• ABOUT THIS EXERCISE: The entries are to be given again in full. Every word must match.

---------- EXERCISE MATERIALS ----------

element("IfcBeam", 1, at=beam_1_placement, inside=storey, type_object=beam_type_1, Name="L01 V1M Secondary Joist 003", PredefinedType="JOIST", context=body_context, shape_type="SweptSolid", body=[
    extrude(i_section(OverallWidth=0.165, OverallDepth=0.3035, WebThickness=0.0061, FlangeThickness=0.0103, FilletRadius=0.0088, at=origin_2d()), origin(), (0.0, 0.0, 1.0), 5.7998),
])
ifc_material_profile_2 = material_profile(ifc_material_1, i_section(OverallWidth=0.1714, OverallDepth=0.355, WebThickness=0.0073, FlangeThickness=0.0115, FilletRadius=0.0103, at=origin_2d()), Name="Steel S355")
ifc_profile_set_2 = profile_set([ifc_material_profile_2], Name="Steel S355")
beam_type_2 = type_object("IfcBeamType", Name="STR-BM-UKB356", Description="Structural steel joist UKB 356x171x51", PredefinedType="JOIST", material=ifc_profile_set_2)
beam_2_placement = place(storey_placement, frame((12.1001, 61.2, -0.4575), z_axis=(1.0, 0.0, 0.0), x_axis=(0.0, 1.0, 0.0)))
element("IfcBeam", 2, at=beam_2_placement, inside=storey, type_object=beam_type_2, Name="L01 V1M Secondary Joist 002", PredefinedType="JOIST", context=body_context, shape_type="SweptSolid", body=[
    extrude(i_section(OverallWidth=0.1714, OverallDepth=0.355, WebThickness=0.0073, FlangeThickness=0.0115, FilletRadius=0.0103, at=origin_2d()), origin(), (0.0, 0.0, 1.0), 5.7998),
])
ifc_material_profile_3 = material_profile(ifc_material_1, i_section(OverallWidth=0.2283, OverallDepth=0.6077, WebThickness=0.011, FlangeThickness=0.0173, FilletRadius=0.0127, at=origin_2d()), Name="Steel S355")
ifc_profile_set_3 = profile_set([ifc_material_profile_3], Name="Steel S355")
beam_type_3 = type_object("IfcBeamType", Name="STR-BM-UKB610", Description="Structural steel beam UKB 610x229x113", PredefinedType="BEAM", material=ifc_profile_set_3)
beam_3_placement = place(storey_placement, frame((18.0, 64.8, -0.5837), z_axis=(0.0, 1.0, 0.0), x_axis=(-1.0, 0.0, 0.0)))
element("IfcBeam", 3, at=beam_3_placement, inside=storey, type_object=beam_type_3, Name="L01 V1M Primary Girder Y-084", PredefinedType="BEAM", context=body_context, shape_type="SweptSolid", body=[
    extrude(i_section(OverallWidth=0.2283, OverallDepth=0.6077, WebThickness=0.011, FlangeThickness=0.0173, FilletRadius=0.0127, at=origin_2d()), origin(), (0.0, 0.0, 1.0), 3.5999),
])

----------

• PROBLEM SOLUTION:
element("IfcBeam", 1, at=beam_1_placement, inside=storey, type_object=beam_type_1, Name="L01 V1M Secondary Joist 003", PredefinedType="JOIST", context=body_context, shape_type="SweptSolid", body=[
    extrude(i_section(OverallWidth=0.165, OverallDepth=0.3035, WebThickness=0.0061, FlangeThickness=0.0103, FilletRadius=0.0088, at=origin_2d()), origin(), (0.0, 0.0, 1.0), 5.7998),
])
ifc_material_profile_2 = material_profile(ifc_material_1, i_section(OverallWidth=0.1714, OverallDepth=0.355, WebThickness=0.0073, FlangeThickness=0.0115, FilletRadius=0.0103, at=origin_2d()), Name="Steel S355")
ifc_profile_set_2 = profile_set([ifc_material_profile_2], Name="Steel S355")
beam_type_2 = type_object("IfcBeamType", Name="STR-BM-UKB356", Description="Structural steel joist UKB 356x171x51", PredefinedType="JOIST", material=ifc_profile_set_2)
beam_2_placement = place(storey_placement, frame((12.1001, 61.2, -0.4575), z_axis=(1.0, 0.0, 0.0), x_axis=(0.0, 1.0, 0.0)))
element("IfcBeam", 2, at=beam_2_placement, inside=storey, type_object=beam_type_2, Name="L01 V1M Secondary Joist 002", PredefinedType="JOIST", context=body_context, shape_type="SweptSolid", body=[
    extrude(i_section(OverallWidth=0.1714, OverallDepth=0.355, WebThickness=0.0073, FlangeThickness=0.0115, FilletRadius=0.0103, at=origin_2d()), origin(), (0.0, 0.0, 1.0), 5.7998),
])
ifc_material_profile_3 = material_profile(ifc_material_1, i_section(OverallWidth=0.2283, OverallDepth=0.6077, WebThickness=0.011, FlangeThickness=0.0173, FilletRadius=0.0127, at=origin_2d()), Name="Steel S355")
ifc_profile_set_3 = profile_set([ifc_material_profile_3], Name="Steel S355")
beam_type_3 = type_object("IfcBeamType", Name="STR-BM-UKB610", Description="Structural steel beam UKB 610x229x113", PredefinedType="BEAM", material=ifc_profile_set_3)
beam_3_placement = place(storey_placement, frame((18.0, 64.8, -0.5837), z_axis=(0.0, 1.0, 0.0), x_axis=(-1.0, 0.0, 0.0)))
element("IfcBeam", 3, at=beam_3_placement, inside=storey, type_object=beam_type_3, Name="L01 V1M Primary Girder Y-084", PredefinedType="BEAM", context=body_context, shape_type="SweptSolid", body=[
    extrude(i_section(OverallWidth=0.2283, OverallDepth=0.6077, WebThickness=0.011, FlangeThickness=0.0173, FilletRadius=0.0127, at=origin_2d()), origin(), (0.0, 0.0, 1.0), 3.5999),
])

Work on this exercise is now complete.